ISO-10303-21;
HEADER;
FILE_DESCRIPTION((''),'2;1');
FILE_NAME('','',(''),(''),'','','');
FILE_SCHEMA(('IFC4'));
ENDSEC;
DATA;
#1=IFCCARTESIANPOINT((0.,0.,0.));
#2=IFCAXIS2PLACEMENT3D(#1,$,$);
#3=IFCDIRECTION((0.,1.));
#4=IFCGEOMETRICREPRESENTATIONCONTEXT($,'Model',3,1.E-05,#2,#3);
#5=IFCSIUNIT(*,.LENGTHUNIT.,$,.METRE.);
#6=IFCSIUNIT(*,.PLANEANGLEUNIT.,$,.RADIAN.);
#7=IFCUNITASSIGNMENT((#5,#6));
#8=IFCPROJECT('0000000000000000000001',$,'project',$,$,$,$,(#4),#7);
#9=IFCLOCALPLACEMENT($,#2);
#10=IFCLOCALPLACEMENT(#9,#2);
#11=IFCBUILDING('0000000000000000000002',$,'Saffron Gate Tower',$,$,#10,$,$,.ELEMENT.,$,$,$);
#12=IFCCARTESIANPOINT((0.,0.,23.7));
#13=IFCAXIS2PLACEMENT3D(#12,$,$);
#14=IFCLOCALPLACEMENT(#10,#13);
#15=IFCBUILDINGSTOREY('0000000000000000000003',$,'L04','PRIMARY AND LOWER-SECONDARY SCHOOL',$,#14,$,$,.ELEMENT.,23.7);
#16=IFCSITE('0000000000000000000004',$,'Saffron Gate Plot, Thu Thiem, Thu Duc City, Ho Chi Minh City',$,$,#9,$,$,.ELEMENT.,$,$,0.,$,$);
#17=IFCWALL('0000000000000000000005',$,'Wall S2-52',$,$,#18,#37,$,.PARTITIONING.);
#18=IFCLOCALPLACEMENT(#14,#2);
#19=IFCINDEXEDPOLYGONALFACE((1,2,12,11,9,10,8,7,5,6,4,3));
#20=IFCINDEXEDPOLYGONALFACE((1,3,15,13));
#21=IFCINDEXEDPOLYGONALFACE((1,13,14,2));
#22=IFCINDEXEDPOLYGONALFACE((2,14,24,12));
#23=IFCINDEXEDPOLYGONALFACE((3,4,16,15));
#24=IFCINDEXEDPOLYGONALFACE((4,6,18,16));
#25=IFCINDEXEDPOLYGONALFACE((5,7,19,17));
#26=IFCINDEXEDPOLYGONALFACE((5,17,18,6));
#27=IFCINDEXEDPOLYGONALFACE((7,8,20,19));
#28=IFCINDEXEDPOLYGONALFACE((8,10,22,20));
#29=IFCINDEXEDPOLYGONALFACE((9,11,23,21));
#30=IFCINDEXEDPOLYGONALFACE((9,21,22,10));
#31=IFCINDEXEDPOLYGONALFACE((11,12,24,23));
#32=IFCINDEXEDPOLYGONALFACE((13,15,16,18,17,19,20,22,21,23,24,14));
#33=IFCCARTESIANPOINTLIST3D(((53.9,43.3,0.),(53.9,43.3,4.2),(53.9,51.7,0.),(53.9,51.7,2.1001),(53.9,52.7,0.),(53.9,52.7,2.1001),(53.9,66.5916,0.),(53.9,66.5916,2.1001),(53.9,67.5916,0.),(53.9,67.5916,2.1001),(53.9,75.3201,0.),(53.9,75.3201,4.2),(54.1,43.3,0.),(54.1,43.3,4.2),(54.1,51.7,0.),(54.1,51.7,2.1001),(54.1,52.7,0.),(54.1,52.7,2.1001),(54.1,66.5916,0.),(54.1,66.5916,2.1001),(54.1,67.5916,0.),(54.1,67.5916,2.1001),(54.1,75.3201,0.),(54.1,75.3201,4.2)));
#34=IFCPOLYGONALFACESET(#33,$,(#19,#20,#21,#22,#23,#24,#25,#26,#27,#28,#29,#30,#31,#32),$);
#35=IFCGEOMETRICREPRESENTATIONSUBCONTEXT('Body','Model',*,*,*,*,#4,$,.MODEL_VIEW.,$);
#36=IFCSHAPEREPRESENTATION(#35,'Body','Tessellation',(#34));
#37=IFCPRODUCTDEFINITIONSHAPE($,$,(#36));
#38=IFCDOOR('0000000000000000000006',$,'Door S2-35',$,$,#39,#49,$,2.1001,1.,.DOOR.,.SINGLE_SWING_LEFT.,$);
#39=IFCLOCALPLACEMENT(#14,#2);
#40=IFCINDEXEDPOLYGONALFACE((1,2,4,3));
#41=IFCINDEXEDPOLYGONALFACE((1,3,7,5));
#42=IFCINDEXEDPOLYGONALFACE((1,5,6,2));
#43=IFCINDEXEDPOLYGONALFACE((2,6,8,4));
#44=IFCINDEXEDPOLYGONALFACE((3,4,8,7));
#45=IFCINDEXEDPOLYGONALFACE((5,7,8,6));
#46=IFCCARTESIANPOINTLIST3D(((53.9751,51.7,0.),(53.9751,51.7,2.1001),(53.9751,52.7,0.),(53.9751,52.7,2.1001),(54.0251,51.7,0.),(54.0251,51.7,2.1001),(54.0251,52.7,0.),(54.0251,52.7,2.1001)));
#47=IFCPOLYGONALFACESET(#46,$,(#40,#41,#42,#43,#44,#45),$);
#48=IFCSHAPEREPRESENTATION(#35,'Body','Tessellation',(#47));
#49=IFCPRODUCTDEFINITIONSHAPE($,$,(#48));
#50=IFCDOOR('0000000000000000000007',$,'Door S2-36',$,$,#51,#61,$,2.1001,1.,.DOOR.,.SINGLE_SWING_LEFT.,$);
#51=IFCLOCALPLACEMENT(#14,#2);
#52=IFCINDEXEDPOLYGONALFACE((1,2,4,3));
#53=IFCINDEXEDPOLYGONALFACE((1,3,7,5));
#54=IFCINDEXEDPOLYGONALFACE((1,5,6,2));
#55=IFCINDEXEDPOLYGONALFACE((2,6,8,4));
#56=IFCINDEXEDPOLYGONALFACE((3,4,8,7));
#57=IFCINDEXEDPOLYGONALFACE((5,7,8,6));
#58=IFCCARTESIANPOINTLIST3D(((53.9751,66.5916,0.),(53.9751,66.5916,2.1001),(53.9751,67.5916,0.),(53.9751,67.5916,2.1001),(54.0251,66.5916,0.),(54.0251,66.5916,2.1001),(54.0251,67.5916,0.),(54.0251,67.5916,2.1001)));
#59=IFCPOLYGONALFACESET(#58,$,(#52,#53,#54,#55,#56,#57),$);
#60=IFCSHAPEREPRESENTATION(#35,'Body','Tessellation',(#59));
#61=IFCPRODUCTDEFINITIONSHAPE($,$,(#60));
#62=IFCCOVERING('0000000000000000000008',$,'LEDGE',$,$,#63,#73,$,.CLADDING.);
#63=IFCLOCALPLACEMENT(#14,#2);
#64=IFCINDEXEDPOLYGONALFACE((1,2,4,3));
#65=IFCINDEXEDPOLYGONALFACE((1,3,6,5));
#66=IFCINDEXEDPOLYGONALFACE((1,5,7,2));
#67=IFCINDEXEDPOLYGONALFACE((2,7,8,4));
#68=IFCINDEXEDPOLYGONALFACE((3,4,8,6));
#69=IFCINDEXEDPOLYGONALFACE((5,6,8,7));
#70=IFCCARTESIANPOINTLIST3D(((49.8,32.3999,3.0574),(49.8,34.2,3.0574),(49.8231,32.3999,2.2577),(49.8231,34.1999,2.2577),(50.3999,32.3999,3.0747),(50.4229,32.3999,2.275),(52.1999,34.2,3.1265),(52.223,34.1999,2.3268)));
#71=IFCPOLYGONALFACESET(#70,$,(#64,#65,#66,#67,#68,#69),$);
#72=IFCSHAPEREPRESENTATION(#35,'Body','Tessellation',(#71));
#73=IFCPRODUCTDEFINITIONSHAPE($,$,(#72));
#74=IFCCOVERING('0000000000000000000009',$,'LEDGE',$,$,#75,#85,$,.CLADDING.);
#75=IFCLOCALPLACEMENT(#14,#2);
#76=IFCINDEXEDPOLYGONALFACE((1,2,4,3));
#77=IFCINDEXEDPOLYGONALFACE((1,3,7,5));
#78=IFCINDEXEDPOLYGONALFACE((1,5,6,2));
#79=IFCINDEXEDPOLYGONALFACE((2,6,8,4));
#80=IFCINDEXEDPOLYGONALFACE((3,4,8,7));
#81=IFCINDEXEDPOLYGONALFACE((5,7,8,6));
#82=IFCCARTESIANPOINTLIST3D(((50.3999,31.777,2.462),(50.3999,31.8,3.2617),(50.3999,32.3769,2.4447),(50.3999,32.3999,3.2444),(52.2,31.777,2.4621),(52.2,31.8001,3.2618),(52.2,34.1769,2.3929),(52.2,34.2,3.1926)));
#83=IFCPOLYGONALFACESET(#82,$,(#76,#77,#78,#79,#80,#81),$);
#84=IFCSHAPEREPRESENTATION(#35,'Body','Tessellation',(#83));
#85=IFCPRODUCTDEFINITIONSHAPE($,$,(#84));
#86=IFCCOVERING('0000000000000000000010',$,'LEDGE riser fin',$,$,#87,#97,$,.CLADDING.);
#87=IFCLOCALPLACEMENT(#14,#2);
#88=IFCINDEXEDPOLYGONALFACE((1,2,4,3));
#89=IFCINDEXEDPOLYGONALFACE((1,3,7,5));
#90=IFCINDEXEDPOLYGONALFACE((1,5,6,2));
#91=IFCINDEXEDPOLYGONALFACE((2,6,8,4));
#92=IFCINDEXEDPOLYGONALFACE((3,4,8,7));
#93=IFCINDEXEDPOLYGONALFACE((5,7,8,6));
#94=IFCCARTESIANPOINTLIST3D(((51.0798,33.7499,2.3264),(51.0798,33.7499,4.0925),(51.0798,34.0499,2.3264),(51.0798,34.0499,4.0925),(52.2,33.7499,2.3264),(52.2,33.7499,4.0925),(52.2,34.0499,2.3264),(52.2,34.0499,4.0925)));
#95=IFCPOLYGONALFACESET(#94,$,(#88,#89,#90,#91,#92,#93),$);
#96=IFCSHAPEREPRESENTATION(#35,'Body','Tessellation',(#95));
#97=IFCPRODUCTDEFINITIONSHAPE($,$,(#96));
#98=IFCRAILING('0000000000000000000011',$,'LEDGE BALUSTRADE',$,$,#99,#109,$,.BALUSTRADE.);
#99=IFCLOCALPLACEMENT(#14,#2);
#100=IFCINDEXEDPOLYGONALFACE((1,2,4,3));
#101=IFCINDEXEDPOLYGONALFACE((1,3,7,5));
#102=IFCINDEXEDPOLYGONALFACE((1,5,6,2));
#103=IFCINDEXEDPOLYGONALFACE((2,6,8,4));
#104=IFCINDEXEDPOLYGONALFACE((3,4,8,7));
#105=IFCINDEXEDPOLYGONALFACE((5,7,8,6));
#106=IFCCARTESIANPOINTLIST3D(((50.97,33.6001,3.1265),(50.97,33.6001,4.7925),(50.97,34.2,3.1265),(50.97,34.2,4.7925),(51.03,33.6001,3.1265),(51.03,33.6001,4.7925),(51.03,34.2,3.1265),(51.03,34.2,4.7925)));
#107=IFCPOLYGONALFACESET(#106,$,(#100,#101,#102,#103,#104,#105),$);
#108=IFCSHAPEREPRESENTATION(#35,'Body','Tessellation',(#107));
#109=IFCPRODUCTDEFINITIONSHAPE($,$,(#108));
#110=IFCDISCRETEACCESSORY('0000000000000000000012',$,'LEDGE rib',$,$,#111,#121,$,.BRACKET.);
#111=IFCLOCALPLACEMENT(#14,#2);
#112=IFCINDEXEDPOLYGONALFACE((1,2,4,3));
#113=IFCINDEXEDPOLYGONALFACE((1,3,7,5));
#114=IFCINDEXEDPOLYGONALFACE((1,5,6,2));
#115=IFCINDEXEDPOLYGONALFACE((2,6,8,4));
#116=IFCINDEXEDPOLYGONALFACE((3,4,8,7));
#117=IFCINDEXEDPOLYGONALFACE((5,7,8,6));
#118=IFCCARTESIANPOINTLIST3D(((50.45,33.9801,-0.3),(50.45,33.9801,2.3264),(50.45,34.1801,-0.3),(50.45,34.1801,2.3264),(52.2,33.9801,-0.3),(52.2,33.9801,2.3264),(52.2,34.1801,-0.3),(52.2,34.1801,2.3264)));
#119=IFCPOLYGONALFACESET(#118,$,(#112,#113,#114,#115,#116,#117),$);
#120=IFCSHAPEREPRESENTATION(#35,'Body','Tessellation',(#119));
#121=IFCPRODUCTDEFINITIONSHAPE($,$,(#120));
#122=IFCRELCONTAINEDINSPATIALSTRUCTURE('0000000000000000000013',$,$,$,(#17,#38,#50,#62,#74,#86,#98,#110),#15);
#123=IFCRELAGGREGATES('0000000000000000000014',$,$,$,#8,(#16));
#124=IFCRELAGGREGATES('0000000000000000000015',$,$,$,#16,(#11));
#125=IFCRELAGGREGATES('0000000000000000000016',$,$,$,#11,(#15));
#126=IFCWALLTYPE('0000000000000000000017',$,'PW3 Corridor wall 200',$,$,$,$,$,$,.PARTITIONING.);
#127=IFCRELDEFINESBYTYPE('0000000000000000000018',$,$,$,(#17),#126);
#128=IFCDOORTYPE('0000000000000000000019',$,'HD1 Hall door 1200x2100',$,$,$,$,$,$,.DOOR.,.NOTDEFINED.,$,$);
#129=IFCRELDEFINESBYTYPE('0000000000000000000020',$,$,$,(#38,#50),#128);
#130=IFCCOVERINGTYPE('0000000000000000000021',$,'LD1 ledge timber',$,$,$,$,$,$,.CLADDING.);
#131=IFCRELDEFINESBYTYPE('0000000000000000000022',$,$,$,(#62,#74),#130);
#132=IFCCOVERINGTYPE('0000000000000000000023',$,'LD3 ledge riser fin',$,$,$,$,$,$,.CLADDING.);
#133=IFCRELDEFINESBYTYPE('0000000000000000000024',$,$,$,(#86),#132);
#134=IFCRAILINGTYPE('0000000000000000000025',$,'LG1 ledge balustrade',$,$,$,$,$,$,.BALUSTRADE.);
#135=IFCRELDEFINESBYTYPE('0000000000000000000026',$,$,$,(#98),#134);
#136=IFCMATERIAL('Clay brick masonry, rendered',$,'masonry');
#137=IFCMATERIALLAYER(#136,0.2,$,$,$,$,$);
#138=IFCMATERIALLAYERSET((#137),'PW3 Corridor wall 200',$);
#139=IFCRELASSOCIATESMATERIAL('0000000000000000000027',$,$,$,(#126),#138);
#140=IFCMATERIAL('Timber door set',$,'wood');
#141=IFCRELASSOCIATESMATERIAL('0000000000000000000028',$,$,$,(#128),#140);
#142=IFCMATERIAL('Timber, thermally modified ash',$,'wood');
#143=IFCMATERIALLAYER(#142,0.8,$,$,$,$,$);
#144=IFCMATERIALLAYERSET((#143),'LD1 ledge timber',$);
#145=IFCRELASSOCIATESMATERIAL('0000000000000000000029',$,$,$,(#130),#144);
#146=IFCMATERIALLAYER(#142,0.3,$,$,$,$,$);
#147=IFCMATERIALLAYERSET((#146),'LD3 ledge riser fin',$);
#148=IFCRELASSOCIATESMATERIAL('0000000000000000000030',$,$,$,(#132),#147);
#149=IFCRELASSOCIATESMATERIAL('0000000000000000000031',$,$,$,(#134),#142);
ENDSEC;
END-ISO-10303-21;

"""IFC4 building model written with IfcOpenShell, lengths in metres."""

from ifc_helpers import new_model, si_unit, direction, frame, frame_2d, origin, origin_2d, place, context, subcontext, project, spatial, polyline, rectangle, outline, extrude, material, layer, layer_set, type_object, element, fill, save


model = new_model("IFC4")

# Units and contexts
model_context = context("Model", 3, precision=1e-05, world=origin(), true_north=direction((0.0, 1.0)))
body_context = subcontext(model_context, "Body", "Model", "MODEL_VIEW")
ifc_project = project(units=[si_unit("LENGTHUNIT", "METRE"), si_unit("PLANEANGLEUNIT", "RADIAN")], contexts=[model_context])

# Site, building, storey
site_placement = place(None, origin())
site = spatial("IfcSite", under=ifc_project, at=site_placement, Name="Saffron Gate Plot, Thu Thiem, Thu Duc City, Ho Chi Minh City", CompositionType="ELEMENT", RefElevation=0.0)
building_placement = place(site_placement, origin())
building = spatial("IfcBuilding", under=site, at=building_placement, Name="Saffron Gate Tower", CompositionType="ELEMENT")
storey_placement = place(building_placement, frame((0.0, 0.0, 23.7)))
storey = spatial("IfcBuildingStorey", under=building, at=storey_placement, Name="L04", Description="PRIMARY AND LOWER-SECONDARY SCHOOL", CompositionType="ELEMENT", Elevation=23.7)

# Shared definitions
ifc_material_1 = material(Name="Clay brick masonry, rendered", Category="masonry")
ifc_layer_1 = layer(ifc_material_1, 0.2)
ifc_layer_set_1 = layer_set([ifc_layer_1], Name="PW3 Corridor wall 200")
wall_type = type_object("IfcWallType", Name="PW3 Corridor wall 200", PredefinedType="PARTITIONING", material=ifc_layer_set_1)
════
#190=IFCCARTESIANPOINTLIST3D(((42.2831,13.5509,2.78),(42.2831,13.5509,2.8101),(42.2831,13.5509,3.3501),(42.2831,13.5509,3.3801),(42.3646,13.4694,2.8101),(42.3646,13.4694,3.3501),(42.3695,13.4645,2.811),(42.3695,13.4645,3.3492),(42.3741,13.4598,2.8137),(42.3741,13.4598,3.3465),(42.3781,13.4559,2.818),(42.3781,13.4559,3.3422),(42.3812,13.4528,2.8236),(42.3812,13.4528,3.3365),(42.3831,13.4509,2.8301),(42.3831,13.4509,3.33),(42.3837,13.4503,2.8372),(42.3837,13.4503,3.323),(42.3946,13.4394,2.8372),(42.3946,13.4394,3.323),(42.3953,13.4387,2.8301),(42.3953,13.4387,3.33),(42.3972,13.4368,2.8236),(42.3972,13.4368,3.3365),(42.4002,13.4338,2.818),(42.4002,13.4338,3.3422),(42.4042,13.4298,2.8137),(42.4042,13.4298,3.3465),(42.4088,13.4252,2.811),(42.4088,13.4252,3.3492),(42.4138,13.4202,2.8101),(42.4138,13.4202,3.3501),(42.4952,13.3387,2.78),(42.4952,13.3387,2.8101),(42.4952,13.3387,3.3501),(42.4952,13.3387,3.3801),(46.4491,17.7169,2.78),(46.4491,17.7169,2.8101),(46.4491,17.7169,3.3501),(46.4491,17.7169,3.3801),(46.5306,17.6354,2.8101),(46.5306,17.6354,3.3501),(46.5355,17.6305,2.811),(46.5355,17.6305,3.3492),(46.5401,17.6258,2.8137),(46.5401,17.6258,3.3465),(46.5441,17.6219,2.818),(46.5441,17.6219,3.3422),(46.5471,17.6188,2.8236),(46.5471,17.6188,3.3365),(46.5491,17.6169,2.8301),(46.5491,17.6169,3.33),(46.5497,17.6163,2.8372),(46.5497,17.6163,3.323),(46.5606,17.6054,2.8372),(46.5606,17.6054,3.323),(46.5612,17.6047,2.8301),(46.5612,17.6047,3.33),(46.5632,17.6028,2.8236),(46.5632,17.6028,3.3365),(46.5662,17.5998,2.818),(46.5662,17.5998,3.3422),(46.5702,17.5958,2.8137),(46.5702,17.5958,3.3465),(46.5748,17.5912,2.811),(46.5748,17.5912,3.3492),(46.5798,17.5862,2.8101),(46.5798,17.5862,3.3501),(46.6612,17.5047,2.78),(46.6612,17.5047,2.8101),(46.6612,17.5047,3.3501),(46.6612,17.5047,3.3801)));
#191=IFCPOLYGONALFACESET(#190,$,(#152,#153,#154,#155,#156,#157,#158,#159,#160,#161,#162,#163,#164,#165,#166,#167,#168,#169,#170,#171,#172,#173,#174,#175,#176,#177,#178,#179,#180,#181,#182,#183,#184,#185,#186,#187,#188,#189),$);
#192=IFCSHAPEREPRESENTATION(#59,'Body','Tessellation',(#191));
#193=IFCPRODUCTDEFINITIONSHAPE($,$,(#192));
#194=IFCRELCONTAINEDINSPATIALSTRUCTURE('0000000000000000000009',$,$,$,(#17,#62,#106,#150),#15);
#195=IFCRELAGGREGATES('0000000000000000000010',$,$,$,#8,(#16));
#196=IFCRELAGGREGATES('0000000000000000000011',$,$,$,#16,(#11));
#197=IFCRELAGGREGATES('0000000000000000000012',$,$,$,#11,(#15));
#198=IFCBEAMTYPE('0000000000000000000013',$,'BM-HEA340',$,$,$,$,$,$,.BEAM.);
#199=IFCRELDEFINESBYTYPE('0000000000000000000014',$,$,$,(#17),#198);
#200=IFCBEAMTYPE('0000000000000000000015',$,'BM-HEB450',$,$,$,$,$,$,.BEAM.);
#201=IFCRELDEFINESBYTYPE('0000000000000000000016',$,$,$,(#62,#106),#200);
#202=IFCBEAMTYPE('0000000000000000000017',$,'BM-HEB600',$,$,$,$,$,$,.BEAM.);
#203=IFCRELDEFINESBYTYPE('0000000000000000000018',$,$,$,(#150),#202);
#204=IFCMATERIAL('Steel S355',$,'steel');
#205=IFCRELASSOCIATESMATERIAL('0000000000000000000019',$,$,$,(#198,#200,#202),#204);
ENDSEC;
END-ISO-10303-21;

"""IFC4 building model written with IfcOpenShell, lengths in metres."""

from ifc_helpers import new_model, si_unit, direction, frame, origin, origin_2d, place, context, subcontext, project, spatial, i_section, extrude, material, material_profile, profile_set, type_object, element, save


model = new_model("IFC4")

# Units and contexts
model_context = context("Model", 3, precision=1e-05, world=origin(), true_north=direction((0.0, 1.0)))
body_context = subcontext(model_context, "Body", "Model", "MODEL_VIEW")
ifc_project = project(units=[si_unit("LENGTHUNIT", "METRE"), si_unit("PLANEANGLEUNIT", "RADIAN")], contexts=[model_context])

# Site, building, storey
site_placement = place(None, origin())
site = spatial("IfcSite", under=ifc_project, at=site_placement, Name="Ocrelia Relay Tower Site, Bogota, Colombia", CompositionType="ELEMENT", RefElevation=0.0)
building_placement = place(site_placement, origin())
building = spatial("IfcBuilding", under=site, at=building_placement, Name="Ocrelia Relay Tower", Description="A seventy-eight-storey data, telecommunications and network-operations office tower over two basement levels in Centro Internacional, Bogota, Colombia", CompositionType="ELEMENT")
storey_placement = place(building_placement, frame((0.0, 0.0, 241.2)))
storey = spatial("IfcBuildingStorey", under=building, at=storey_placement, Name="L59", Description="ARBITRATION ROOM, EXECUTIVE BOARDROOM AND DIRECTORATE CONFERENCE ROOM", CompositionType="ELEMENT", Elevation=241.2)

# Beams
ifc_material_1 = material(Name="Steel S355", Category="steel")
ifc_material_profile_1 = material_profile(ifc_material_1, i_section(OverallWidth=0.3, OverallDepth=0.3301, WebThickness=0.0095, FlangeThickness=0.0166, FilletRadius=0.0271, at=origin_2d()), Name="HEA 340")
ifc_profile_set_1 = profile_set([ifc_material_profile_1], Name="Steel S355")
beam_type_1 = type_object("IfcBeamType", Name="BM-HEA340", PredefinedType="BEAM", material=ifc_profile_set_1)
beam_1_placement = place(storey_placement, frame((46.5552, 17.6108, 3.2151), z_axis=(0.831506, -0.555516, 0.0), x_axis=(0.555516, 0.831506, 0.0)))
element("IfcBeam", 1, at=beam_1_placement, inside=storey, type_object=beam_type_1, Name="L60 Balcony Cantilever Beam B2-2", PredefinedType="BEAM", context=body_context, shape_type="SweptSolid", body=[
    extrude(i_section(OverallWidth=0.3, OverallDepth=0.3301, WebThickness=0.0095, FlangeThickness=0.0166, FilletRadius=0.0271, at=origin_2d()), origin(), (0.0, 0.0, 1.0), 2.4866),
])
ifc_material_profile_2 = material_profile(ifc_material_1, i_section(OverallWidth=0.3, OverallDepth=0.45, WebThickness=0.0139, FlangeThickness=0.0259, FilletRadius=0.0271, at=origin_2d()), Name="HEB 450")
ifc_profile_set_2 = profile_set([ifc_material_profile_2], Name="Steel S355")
════
For each line of the listing that holds the word "IFCRELCONTAINEDINSPATIALSTRUCTURE", show that line.

■ SOLUTION
#122=IFCRELCONTAINEDINSPATIALSTRUCTURE('0000000000000000000013',$,$,$,(#17,#38,#50,#62,#74,#86,#98,#110),#15);
#194=IFCRELCONTAINEDINSPATIALSTRUCTURE('0000000000000000000009',$,$,$,(#17,#62,#106,#150),#15);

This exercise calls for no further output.